§ MATERIAL FOR THIS EXERCISE
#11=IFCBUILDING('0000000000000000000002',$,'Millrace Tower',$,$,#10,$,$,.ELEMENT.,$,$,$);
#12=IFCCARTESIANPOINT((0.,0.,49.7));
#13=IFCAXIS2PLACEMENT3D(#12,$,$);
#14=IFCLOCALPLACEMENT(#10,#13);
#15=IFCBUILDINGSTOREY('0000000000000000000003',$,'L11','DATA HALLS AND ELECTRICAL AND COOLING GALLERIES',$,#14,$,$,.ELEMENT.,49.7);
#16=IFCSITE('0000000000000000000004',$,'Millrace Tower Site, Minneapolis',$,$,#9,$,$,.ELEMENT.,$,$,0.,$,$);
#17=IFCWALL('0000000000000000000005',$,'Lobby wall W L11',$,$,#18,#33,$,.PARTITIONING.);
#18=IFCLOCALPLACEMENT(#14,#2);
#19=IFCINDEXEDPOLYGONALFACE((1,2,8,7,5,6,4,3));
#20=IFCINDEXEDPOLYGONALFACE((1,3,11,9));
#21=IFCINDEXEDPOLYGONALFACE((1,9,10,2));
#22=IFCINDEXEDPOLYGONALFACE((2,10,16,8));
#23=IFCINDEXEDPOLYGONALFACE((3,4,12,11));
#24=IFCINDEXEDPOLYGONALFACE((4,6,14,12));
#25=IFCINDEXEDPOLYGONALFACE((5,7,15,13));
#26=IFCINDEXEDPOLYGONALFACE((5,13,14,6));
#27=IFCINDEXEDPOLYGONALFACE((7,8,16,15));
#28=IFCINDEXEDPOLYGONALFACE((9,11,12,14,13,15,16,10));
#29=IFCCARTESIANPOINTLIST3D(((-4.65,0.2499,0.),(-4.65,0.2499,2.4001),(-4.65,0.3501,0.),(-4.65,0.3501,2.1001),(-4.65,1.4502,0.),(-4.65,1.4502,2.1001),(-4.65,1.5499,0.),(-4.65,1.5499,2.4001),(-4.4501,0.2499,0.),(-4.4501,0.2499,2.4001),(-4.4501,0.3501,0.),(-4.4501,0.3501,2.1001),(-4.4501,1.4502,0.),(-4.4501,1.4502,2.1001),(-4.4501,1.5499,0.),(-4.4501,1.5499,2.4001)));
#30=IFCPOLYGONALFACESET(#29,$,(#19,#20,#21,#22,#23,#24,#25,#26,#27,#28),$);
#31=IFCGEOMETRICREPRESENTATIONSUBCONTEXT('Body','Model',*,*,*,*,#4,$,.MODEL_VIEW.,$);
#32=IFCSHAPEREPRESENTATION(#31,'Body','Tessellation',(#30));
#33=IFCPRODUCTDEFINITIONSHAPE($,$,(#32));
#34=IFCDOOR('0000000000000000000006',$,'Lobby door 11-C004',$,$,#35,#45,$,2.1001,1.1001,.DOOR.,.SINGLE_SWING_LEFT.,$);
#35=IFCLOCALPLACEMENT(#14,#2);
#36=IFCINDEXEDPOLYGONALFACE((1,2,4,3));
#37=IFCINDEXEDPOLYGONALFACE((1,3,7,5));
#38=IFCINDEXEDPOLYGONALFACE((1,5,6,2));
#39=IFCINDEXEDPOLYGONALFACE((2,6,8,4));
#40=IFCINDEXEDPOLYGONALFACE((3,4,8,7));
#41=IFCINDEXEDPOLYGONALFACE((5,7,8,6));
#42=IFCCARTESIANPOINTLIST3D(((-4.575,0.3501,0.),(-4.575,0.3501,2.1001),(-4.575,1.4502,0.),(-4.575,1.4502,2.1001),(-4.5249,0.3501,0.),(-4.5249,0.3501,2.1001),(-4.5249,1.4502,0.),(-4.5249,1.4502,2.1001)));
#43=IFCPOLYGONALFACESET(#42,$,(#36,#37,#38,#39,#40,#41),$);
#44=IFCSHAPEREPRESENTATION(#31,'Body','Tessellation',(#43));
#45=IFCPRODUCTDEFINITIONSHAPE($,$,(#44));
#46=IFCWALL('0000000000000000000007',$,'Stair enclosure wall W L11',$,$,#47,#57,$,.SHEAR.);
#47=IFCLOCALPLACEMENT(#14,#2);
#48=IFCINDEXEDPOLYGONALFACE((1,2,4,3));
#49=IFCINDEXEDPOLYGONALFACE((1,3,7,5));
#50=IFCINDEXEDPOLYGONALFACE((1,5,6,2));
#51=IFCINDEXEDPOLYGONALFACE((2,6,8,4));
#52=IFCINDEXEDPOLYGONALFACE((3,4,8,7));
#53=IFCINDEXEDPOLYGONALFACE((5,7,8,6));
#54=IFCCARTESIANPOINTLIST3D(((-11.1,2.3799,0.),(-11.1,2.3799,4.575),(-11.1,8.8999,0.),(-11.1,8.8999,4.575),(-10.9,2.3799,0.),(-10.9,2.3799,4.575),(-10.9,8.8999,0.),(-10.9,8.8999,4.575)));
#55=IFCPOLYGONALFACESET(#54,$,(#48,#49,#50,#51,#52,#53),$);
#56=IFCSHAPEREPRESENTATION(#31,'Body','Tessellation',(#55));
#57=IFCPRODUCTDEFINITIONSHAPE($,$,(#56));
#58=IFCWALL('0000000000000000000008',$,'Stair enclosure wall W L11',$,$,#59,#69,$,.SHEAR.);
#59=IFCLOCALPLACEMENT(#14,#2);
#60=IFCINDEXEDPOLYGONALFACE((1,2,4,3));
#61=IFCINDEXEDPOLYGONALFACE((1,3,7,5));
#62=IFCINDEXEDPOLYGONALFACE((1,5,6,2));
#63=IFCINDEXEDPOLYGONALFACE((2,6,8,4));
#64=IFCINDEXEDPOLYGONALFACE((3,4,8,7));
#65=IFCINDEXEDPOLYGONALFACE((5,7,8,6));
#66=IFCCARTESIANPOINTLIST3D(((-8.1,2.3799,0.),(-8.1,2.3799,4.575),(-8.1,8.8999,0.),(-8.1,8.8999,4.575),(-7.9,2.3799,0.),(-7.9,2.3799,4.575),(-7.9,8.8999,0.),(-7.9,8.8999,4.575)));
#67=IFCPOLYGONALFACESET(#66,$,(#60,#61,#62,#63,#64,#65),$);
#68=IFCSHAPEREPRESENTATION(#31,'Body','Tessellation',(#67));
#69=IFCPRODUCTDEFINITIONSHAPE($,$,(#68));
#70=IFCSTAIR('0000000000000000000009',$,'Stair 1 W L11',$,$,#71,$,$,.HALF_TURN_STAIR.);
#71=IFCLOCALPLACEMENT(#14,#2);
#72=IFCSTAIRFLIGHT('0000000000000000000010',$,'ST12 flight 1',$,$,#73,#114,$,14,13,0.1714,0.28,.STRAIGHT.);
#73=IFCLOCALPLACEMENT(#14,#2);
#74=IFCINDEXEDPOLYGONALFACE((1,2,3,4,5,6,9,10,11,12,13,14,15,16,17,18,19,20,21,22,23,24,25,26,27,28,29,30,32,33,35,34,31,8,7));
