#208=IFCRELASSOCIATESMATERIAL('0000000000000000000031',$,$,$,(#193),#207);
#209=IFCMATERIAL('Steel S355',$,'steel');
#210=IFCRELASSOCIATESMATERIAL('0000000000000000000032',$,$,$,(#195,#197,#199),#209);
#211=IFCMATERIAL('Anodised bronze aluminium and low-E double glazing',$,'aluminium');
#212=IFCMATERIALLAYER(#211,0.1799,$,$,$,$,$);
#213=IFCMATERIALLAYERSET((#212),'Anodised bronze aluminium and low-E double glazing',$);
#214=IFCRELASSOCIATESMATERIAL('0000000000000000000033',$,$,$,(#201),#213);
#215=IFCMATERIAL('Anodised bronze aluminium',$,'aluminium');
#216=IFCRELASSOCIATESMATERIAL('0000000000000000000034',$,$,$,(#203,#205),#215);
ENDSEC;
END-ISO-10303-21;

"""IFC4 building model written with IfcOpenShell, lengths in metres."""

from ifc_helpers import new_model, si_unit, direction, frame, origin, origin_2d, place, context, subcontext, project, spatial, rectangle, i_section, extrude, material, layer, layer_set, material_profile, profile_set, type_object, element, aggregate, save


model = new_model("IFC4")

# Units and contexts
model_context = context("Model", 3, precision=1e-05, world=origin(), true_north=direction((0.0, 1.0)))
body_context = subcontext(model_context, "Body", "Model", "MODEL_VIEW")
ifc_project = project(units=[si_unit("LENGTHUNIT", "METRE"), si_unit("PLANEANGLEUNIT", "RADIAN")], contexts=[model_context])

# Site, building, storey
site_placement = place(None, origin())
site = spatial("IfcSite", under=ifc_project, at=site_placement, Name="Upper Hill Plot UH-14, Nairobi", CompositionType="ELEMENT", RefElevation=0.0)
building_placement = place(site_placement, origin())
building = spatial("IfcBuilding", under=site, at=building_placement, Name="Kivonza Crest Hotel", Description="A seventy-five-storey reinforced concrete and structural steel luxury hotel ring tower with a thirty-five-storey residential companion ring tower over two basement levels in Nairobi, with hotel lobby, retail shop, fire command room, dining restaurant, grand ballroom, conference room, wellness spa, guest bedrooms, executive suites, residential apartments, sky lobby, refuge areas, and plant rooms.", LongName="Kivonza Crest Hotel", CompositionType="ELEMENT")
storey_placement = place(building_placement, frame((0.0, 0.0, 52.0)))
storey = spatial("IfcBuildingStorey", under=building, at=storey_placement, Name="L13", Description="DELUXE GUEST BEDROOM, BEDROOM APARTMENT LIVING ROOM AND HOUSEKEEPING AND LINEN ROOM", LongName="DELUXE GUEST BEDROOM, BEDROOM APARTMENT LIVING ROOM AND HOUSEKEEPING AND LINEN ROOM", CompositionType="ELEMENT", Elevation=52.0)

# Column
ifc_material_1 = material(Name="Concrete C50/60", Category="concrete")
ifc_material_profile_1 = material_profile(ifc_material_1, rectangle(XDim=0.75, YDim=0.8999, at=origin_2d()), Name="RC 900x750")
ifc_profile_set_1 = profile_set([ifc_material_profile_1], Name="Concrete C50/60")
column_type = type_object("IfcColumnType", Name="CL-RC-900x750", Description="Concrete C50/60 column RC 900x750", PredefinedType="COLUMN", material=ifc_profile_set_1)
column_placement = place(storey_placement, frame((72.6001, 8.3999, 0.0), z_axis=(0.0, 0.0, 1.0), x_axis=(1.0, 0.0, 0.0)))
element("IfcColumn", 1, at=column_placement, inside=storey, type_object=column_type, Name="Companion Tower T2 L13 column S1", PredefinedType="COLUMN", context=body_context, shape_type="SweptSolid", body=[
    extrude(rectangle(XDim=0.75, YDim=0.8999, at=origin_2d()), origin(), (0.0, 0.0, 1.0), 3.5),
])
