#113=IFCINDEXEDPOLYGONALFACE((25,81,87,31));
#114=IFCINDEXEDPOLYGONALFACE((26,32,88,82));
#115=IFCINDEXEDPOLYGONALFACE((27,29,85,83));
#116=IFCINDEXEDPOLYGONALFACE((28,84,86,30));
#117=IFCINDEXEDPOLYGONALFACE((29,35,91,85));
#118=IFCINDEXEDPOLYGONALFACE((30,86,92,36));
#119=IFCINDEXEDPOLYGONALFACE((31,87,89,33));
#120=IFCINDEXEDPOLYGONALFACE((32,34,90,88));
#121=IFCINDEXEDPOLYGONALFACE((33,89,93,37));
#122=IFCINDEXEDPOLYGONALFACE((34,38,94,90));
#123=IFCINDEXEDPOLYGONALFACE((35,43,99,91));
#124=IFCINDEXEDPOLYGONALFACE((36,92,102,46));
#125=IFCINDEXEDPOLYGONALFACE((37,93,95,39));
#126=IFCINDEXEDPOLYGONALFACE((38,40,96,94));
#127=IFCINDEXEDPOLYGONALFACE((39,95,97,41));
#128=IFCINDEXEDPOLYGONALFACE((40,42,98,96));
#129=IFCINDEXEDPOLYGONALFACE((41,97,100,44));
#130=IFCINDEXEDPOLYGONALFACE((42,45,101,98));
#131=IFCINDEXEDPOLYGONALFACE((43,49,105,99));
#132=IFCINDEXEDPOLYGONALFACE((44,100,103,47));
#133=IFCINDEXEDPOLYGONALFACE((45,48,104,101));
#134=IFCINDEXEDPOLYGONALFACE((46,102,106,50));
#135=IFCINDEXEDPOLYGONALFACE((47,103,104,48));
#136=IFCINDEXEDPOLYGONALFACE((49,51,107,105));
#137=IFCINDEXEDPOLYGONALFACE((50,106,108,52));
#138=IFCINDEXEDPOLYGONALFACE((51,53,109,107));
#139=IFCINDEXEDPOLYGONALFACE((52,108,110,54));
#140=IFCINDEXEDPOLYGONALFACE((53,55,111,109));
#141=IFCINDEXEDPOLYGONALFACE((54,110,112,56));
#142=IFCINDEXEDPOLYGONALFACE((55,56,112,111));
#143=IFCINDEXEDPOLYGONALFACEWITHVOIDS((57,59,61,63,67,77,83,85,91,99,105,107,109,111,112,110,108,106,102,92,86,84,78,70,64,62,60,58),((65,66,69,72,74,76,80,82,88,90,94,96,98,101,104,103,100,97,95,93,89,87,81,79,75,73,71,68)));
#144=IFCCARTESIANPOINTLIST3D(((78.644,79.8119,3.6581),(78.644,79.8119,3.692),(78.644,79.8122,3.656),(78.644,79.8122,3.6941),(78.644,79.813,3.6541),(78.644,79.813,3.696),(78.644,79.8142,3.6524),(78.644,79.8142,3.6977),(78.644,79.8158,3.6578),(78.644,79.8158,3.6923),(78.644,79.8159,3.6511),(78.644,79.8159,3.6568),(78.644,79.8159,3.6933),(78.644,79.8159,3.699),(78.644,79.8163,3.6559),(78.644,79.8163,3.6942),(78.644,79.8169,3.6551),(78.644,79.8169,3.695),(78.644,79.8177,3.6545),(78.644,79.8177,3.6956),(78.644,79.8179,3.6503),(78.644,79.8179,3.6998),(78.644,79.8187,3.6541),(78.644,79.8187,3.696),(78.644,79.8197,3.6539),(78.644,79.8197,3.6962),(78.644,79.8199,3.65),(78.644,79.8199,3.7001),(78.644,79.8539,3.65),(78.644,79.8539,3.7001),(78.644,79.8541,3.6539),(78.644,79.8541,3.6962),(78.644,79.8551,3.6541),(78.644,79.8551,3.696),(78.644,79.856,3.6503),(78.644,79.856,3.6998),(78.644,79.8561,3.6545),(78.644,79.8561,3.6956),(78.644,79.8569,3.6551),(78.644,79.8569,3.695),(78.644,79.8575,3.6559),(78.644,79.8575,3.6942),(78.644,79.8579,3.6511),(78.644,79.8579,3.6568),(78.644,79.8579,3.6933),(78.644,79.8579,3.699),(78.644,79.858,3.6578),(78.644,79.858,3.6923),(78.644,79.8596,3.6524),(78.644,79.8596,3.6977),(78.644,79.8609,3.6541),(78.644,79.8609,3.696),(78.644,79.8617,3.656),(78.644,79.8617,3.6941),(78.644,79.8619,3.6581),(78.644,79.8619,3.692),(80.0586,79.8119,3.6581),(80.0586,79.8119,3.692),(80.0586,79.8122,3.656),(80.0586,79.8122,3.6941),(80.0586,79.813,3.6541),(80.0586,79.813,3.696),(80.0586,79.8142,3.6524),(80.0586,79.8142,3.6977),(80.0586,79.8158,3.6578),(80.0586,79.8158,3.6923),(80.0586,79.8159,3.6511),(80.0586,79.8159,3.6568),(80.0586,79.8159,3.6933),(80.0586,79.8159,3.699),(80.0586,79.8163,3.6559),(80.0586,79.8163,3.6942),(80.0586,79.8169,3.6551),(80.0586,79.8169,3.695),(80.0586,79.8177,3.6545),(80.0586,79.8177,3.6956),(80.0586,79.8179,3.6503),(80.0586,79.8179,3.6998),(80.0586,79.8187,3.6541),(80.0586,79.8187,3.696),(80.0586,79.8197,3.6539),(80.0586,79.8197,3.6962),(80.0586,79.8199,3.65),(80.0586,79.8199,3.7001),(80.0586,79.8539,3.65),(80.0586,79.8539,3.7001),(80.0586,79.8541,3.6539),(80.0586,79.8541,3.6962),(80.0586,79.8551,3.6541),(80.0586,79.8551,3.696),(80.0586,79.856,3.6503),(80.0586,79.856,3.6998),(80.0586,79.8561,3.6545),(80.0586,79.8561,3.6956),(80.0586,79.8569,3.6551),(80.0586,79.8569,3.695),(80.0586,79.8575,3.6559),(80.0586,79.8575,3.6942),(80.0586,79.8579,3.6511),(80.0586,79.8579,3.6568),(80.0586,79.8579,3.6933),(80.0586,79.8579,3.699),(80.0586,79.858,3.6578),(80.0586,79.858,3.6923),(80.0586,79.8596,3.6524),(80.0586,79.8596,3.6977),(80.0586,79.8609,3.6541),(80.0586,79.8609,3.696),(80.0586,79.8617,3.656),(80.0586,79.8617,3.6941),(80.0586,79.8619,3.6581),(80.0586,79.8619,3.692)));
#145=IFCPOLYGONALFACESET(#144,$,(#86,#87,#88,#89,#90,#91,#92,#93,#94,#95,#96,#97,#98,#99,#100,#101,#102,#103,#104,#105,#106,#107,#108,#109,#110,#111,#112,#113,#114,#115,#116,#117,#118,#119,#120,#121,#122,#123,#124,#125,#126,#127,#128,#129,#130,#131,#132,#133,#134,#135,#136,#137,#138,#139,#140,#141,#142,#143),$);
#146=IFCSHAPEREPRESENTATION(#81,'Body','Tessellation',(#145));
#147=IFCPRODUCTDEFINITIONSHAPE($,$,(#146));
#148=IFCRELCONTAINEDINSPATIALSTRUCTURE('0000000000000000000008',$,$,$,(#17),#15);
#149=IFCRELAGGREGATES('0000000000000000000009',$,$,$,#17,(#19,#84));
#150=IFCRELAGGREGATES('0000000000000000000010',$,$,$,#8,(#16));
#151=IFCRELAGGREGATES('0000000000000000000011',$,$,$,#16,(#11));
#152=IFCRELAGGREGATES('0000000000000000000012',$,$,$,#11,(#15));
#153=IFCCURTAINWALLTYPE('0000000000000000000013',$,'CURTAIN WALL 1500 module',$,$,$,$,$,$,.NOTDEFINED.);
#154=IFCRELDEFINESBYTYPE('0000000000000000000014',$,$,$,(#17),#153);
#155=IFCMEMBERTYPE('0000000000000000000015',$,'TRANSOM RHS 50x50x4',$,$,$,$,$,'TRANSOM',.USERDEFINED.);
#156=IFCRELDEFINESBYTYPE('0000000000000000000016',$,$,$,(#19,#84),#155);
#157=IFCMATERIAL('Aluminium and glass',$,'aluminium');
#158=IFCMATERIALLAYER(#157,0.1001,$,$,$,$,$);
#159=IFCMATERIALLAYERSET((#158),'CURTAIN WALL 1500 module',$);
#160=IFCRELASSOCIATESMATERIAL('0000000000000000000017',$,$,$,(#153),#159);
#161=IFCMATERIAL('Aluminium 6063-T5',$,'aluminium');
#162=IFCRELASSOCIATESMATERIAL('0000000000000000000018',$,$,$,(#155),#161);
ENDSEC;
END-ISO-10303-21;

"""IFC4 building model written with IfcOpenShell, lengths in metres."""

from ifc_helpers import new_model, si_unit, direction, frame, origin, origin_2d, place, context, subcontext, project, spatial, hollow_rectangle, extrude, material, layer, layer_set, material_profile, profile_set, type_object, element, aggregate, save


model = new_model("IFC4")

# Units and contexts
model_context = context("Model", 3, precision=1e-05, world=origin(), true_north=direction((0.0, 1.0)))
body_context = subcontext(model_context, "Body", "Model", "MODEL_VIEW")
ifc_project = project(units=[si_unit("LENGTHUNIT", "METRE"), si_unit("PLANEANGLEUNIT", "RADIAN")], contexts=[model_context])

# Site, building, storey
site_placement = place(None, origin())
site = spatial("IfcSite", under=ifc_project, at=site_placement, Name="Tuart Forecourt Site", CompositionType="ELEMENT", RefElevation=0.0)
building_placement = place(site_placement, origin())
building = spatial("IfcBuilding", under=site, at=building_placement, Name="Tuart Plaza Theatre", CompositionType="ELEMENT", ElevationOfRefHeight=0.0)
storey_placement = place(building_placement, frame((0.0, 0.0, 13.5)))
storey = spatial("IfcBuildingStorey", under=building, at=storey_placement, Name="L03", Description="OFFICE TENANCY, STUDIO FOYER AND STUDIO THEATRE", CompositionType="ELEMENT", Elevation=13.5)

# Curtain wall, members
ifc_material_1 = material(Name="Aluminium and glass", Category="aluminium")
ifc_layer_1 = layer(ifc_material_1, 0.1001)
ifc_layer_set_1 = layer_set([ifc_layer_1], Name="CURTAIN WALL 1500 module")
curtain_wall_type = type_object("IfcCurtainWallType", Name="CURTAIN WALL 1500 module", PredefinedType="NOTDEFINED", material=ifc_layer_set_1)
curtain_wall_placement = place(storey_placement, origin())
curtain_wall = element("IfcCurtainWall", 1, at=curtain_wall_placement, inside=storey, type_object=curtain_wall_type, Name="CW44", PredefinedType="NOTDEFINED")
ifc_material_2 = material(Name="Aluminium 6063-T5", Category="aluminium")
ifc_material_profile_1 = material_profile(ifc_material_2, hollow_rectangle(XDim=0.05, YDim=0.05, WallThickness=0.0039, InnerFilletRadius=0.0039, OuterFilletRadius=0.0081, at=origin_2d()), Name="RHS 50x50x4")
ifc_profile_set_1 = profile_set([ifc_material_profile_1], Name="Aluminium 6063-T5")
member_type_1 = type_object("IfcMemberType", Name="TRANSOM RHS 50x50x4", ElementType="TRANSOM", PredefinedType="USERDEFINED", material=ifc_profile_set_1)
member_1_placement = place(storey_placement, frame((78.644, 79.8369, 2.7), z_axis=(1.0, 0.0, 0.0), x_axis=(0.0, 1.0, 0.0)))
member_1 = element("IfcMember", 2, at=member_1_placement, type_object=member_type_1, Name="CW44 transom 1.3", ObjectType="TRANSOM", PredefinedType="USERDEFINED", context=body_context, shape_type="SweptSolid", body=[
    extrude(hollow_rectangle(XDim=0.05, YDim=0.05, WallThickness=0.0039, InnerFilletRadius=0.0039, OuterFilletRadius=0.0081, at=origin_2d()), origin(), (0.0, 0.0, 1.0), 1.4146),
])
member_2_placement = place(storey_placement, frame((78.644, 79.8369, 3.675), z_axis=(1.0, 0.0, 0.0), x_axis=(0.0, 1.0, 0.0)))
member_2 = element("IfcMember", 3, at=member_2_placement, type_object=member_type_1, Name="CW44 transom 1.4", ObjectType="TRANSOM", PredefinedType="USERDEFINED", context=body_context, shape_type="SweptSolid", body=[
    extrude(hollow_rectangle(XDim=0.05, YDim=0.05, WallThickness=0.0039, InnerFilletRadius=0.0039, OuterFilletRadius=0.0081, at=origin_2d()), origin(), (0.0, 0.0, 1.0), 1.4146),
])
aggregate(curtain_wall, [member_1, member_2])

§ AIM OF THE TASK
The word is "RefElevation". Copy every line above where it appears.

§ YOUR SOLUTION
site = spatial("IfcSite", under=ifc_project, at=site_placement, Name="Upper Hill Plot UH-14, Nairobi", CompositionType="ELEMENT", RefElevation=0.0)
site = spatial("IfcSite", under=ifc_project, at=site_placement, Name="Tuart Forecourt Site", CompositionType="ELEMENT", RefElevation=0.0)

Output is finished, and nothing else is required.